RECORDED INFORMATION START

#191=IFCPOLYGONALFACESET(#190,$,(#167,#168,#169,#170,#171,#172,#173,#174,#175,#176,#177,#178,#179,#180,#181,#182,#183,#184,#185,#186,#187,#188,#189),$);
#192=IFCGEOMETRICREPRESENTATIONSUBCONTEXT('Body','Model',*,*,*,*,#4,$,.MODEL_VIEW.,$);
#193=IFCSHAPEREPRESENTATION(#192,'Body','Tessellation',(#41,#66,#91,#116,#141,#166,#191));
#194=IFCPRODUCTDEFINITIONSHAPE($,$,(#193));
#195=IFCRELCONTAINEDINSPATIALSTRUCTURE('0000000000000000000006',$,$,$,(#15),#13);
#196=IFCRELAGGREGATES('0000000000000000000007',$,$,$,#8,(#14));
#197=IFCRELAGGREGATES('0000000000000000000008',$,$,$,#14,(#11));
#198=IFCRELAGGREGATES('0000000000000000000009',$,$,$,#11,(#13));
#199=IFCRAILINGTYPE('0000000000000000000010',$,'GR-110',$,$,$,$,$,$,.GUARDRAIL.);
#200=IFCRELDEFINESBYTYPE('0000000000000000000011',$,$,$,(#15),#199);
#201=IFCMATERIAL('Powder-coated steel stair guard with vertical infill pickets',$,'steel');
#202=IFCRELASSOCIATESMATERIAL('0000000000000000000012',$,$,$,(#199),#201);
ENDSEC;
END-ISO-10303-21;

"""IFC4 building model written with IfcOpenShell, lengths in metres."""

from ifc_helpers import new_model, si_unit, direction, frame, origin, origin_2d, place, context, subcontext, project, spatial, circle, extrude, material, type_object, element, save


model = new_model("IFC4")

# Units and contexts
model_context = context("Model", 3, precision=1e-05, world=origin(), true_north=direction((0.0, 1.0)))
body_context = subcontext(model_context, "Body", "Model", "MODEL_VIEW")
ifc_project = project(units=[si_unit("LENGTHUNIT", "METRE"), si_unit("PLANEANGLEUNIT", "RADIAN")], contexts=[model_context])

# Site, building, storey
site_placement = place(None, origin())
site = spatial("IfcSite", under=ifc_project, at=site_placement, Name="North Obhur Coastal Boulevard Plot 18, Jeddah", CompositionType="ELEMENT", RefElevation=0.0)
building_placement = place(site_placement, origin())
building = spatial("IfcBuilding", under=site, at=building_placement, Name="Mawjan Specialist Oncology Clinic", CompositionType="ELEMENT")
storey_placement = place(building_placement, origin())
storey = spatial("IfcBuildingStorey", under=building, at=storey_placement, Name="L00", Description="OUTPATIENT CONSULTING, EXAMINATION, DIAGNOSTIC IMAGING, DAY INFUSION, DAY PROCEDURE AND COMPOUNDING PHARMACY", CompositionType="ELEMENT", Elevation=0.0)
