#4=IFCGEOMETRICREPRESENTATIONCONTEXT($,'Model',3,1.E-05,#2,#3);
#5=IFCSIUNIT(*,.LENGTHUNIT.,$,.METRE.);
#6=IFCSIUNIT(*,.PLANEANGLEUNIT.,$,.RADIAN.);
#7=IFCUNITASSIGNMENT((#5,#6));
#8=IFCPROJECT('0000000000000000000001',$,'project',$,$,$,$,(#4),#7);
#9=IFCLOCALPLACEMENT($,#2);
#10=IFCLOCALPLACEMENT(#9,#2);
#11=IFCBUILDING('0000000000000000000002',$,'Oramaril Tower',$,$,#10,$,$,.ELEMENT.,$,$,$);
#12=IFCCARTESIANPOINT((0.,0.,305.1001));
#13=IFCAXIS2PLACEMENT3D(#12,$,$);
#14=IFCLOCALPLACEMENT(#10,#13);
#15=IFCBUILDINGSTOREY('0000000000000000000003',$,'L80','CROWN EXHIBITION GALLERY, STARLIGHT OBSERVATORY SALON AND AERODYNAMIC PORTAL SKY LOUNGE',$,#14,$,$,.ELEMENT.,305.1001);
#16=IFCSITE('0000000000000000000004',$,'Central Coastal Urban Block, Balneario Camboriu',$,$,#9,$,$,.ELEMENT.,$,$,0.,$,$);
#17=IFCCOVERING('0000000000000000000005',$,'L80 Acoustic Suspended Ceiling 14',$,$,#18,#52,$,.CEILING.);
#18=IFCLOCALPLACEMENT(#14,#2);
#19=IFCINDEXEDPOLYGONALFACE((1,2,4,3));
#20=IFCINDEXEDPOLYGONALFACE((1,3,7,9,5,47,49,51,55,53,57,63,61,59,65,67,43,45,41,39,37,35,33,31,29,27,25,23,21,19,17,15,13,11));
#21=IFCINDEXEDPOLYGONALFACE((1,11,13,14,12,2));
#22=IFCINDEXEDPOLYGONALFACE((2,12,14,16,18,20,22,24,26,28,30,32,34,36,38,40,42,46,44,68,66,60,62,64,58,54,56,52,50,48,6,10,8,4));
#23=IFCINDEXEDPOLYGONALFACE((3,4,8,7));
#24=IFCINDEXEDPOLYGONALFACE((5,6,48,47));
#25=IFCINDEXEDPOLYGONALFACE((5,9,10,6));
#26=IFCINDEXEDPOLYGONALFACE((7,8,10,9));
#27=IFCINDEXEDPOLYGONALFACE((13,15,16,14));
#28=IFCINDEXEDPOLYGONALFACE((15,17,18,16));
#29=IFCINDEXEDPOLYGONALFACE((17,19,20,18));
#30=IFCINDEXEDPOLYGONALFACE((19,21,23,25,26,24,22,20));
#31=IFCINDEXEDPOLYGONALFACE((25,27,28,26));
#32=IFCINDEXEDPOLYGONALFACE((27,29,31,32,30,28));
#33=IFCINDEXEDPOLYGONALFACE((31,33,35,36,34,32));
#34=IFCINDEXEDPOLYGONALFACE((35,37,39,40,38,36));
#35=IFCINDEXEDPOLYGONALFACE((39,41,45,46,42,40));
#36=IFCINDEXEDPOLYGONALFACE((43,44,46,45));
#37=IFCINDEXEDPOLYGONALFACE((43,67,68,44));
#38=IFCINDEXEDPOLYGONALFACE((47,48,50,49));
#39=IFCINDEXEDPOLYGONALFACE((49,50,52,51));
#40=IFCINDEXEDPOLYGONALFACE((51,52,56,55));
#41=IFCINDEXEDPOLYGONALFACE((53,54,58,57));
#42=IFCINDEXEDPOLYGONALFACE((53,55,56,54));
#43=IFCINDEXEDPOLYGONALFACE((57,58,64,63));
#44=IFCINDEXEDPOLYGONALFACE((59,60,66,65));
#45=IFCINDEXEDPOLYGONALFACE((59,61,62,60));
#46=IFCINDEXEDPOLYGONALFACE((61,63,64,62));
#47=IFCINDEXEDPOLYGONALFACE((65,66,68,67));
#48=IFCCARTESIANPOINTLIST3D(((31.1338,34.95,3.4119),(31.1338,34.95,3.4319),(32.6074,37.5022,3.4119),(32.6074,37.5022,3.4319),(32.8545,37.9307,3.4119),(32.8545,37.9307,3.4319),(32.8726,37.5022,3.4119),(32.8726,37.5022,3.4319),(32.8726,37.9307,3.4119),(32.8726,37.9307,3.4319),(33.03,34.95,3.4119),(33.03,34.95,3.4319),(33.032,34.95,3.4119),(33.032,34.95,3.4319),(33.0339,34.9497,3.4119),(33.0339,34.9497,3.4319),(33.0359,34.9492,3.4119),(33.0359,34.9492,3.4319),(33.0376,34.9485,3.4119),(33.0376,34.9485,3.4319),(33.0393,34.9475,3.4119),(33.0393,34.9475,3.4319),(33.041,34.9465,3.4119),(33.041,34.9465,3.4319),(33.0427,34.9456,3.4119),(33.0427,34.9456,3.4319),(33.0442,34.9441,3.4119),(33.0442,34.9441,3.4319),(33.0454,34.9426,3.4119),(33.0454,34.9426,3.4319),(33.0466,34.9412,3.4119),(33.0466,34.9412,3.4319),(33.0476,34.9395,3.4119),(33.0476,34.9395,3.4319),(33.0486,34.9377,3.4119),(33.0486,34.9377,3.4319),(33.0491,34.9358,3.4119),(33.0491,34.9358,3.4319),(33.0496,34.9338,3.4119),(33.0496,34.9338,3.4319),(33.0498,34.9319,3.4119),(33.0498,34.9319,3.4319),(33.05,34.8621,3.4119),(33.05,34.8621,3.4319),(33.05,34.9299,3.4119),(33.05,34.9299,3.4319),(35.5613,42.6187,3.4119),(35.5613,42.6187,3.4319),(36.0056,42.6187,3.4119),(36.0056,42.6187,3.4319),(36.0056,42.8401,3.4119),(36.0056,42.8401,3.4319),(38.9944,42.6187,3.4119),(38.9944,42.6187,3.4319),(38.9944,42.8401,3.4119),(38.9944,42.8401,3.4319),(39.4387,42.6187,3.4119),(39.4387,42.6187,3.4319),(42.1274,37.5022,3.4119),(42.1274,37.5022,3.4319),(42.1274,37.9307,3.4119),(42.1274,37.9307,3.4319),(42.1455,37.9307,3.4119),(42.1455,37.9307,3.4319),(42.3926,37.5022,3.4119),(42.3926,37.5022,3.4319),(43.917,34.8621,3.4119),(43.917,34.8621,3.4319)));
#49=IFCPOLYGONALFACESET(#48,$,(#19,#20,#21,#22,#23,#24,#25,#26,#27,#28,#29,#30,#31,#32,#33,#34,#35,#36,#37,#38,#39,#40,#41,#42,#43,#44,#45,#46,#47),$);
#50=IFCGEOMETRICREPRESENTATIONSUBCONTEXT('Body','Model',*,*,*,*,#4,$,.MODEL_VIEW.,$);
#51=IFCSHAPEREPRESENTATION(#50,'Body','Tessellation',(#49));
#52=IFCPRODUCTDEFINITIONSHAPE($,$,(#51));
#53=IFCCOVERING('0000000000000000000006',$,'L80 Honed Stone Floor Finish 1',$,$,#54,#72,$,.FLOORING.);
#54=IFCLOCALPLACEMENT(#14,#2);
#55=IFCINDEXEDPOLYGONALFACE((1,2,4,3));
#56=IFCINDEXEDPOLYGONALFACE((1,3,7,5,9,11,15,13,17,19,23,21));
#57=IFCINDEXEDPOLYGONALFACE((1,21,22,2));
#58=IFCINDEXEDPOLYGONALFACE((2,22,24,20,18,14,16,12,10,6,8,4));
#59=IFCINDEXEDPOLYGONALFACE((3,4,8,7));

RECORDED INFORMATION END

# [TASK GOAL]
In the records above, find every line that contains the word "Tessellation" and copy it.

# [OUTPUT BELOW]
#193=IFCSHAPEREPRESENTATION(#192,'Body','Tessellation',(#41,#66,#91,#116,#141,#166,#191));
#51=IFCSHAPEREPRESENTATION(#50,'Body','Tessellation',(#49));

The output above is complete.